(Available data):
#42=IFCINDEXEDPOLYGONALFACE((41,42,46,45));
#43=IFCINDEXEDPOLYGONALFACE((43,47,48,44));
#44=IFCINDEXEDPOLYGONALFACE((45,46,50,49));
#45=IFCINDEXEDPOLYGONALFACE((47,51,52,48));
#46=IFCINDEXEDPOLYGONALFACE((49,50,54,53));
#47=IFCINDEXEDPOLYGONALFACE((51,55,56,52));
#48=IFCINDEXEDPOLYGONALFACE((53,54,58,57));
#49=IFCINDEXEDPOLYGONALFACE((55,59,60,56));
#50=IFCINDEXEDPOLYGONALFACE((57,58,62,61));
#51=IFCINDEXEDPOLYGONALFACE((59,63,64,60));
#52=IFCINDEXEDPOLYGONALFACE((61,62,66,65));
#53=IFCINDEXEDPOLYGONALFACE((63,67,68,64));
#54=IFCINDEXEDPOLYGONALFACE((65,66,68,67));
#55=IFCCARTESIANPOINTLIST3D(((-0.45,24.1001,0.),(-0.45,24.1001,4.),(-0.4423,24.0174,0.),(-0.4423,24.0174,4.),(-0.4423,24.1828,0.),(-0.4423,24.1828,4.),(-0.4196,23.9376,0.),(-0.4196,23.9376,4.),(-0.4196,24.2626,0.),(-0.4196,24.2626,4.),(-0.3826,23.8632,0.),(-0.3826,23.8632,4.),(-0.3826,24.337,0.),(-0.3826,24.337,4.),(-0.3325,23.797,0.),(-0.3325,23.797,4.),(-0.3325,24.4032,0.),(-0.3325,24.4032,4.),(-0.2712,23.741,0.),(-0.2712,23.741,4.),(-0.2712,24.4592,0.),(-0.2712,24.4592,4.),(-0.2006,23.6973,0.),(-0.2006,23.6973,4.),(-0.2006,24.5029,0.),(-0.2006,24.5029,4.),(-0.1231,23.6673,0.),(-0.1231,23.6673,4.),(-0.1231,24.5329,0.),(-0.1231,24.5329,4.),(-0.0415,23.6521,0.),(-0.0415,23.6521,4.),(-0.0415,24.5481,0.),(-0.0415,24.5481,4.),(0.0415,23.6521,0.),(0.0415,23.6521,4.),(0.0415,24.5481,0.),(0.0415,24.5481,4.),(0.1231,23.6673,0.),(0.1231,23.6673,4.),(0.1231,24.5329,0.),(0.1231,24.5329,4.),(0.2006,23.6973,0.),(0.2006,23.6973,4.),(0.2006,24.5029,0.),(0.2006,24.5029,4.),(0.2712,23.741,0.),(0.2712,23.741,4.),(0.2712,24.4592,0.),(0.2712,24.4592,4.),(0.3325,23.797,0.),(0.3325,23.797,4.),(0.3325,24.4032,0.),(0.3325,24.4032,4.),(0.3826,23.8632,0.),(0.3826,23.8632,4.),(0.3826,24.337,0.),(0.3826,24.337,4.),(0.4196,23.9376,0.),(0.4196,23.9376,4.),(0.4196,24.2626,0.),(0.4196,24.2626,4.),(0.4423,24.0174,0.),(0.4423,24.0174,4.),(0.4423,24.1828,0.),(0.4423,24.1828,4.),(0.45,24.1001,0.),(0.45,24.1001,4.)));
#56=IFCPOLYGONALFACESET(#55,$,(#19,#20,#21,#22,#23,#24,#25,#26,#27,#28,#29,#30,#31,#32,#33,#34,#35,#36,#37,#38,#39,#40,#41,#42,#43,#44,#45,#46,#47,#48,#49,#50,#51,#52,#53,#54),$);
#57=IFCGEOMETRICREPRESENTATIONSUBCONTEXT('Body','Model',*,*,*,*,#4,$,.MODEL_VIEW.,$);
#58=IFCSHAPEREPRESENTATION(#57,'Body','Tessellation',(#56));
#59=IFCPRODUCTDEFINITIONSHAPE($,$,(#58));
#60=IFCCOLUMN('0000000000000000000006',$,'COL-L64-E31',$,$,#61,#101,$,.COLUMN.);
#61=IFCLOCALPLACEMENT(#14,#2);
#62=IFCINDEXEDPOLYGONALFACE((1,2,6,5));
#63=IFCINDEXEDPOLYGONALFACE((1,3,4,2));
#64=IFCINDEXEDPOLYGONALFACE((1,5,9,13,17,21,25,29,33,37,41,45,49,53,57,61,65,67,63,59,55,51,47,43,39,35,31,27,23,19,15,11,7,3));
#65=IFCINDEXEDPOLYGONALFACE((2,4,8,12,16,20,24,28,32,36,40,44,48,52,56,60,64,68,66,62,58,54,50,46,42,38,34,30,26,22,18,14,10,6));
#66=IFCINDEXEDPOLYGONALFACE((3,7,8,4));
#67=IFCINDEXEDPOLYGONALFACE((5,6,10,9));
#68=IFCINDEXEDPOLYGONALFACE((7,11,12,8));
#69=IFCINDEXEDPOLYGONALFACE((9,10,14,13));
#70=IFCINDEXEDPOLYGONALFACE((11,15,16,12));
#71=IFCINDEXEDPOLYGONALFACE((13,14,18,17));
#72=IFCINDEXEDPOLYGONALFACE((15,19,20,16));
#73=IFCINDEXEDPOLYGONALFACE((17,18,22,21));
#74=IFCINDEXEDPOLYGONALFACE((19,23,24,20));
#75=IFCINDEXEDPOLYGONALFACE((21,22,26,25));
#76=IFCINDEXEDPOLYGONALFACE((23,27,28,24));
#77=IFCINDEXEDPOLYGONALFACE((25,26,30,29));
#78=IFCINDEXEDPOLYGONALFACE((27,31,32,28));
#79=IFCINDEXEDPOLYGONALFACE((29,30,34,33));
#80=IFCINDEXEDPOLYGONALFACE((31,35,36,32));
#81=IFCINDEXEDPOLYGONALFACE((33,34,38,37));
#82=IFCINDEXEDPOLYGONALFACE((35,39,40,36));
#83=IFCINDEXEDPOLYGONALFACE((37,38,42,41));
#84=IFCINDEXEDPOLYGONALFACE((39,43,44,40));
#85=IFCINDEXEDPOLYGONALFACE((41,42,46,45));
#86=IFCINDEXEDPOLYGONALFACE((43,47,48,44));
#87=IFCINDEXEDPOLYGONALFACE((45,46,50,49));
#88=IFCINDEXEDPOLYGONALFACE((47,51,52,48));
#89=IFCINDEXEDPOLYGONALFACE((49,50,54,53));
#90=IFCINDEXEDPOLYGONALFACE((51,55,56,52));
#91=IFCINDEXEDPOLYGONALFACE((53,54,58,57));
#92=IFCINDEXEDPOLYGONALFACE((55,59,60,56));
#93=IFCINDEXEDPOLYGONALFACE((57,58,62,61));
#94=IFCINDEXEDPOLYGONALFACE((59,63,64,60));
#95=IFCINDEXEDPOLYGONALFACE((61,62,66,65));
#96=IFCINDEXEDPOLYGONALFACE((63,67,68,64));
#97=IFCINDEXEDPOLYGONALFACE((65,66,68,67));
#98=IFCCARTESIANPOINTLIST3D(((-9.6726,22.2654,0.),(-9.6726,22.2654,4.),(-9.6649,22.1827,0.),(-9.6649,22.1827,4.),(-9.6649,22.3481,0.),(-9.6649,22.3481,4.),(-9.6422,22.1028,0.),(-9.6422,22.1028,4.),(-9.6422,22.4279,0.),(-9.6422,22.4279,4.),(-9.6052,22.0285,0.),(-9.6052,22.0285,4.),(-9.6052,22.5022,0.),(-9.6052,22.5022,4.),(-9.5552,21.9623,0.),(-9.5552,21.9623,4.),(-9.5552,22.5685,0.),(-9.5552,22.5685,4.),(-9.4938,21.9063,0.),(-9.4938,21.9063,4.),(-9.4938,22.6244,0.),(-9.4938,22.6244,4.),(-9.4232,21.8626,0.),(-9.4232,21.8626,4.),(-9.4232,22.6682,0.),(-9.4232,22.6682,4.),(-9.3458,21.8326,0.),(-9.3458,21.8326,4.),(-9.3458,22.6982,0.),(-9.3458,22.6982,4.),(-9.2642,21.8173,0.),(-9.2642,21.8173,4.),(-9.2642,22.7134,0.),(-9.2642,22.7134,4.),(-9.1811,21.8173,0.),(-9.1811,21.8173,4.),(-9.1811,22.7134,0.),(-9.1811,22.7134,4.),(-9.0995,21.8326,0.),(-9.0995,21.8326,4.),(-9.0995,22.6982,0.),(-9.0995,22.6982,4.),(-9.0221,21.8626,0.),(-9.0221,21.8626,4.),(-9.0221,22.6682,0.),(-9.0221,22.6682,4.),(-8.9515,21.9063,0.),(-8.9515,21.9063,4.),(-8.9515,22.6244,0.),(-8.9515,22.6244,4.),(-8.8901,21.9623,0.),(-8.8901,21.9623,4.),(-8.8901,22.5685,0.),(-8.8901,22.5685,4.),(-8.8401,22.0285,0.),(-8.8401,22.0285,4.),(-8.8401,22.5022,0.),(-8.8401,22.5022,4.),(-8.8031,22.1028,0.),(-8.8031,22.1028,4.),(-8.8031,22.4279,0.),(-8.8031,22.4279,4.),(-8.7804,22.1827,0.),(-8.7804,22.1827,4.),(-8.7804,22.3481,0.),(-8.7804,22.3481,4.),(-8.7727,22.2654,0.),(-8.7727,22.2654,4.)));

(Problem statement):
Print, from the entries above, the line with "#94=IFCINDEXEDPOLYGONALFACE((59,63,64,60));", the line with "#97=IFCINDEXEDPOLYGONALFACE((65,66,68,67));" and all lines between them, exactly and with nothing else.

(Your solution):
#94=IFCINDEXEDPOLYGONALFACE((59,63,64,60));
#95=IFCINDEXEDPOLYGONALFACE((61,62,66,65));
#96=IFCINDEXEDPOLYGONALFACE((63,67,68,64));
#97=IFCINDEXEDPOLYGONALFACE((65,66,68,67));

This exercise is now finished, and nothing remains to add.